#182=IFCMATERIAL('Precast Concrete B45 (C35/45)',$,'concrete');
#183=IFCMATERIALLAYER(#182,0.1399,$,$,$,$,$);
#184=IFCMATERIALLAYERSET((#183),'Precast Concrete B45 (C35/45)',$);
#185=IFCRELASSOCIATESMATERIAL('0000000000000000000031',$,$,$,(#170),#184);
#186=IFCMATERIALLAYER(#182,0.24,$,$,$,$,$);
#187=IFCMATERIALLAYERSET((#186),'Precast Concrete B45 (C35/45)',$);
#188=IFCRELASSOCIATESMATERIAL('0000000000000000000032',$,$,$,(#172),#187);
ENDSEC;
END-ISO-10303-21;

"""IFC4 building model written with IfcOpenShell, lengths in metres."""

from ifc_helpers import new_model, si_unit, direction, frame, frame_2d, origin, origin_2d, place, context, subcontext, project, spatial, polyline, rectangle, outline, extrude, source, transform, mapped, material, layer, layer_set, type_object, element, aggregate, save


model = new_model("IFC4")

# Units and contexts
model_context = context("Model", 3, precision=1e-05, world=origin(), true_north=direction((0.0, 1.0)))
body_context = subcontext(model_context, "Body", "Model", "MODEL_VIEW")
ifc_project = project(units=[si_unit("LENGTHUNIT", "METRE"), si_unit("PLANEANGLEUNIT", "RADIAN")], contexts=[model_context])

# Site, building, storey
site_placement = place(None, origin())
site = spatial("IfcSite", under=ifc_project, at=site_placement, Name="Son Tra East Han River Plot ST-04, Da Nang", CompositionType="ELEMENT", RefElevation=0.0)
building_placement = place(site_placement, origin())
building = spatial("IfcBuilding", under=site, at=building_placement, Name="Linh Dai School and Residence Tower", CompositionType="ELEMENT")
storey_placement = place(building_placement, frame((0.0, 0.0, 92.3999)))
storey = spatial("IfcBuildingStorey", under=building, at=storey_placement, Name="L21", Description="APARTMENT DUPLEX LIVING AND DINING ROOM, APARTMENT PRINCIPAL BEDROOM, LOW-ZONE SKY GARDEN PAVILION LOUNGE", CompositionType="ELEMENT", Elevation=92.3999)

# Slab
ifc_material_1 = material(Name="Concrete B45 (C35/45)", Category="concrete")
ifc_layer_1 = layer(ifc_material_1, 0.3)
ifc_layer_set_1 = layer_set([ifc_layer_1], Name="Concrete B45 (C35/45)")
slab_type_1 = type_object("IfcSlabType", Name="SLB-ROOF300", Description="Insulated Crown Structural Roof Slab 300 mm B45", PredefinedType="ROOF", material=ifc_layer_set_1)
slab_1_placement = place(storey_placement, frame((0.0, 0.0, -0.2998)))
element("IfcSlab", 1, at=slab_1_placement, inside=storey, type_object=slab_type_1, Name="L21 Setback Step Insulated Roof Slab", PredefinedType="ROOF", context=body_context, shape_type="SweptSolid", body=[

□ □ □ □ □ □ □

EXERCISE DESCRIPTION -> Check each line of the entries for the word "ROOF", then state the count alone.

REPLY TO THE EXERCISE -> 2